Task brief - Copy out each line of the data that contains "Amber".

Records contained in a dataset -
****

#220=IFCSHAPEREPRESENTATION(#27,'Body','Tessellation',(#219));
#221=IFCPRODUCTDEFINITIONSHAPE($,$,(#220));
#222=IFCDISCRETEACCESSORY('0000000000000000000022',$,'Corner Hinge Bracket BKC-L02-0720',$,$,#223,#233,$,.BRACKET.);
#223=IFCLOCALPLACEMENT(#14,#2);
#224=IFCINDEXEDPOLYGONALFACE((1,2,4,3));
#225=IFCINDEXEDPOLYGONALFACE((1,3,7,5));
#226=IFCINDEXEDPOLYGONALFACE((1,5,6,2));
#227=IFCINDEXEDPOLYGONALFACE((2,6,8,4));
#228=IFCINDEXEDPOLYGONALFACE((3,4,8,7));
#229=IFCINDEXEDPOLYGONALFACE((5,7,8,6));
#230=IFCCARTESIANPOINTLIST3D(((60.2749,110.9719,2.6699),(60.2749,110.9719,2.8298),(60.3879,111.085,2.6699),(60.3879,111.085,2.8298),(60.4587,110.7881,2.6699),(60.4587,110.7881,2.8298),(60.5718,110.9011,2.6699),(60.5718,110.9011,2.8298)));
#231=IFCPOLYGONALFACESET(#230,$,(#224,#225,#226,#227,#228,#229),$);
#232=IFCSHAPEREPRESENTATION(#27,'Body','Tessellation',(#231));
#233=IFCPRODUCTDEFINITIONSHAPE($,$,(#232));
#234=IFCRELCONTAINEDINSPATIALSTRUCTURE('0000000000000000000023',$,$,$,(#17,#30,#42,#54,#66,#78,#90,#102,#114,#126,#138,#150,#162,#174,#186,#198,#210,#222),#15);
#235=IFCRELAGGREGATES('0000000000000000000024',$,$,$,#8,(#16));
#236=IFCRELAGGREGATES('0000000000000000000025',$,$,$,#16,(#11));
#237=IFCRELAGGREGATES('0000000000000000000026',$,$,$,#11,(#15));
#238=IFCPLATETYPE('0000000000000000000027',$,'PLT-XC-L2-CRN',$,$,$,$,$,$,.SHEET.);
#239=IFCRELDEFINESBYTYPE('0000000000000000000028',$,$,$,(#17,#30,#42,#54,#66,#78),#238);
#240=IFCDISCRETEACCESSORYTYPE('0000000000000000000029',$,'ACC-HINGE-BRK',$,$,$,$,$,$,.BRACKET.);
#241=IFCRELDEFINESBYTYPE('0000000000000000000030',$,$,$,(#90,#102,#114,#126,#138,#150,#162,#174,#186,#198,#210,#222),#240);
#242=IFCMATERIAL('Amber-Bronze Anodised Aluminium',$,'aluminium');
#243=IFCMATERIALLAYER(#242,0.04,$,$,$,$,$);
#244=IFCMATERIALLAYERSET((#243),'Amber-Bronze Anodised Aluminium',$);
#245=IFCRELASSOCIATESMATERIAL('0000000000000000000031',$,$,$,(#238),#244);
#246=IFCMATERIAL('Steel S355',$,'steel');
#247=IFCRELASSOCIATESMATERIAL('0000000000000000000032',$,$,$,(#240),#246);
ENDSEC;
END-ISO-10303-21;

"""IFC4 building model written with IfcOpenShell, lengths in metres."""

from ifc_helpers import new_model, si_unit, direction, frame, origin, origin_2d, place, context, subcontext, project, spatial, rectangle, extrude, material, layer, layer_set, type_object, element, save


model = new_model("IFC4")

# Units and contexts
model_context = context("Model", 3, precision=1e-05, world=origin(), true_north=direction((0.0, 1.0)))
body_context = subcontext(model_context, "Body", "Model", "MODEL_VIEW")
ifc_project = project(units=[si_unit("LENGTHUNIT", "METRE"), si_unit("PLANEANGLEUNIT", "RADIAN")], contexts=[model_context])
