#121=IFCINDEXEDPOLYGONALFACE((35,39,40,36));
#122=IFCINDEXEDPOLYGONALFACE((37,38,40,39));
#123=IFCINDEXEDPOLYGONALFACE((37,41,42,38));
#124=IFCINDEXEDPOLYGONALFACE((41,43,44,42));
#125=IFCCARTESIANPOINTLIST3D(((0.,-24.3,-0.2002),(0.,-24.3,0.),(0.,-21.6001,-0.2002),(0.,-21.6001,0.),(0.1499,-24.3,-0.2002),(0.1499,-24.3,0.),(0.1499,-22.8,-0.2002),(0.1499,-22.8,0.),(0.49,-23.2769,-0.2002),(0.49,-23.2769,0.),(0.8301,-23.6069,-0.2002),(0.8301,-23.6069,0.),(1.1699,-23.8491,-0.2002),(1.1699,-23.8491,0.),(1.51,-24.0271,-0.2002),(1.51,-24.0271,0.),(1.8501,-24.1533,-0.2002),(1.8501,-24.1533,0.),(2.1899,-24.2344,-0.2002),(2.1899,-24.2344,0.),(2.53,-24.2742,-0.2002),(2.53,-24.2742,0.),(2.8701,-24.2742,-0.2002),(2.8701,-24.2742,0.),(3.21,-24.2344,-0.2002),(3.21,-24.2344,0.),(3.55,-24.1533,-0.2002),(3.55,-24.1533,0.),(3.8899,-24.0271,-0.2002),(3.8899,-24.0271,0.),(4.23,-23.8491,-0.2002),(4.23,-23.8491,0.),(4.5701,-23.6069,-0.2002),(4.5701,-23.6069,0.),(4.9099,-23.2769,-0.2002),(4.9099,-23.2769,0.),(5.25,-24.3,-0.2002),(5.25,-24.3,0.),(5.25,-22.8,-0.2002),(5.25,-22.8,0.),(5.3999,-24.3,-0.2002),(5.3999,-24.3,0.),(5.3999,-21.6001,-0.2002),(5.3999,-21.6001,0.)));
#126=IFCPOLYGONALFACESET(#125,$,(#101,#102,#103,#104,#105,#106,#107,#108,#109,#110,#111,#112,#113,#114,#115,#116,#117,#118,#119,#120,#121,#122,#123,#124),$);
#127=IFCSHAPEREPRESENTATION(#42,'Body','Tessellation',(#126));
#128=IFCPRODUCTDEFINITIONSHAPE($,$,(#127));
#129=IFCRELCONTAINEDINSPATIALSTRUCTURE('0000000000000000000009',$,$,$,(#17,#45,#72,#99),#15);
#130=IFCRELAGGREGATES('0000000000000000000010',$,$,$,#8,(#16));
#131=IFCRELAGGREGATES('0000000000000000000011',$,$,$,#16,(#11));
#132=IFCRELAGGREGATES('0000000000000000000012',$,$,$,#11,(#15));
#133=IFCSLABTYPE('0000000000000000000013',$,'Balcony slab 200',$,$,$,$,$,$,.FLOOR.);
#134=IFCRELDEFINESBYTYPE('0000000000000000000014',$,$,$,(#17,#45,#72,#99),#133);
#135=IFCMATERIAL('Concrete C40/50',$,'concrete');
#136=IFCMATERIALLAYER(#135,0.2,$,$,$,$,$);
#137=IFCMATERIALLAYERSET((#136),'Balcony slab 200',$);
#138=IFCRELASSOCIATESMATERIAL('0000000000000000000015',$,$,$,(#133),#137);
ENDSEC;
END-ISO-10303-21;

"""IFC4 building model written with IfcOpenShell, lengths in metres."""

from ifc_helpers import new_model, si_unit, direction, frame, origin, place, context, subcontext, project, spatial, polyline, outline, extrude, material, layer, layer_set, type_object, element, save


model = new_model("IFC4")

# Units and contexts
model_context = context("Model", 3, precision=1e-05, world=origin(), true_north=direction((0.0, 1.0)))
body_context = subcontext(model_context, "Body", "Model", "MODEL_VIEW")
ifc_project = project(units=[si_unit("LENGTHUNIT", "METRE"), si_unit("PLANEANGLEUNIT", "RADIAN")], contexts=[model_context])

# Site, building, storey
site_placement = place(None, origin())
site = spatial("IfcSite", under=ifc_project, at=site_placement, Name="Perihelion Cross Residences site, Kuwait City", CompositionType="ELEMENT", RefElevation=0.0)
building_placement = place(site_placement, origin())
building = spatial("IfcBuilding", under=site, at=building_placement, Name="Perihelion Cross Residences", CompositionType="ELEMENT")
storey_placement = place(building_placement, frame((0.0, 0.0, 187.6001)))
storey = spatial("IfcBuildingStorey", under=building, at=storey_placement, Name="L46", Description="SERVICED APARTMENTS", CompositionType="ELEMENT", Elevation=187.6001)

****

Result for this exercise -
#242=IFCMATERIAL('Amber-Bronze Anodised Aluminium',$,'aluminium');
#244=IFCMATERIALLAYERSET((#243),'Amber-Bronze Anodised Aluminium',$);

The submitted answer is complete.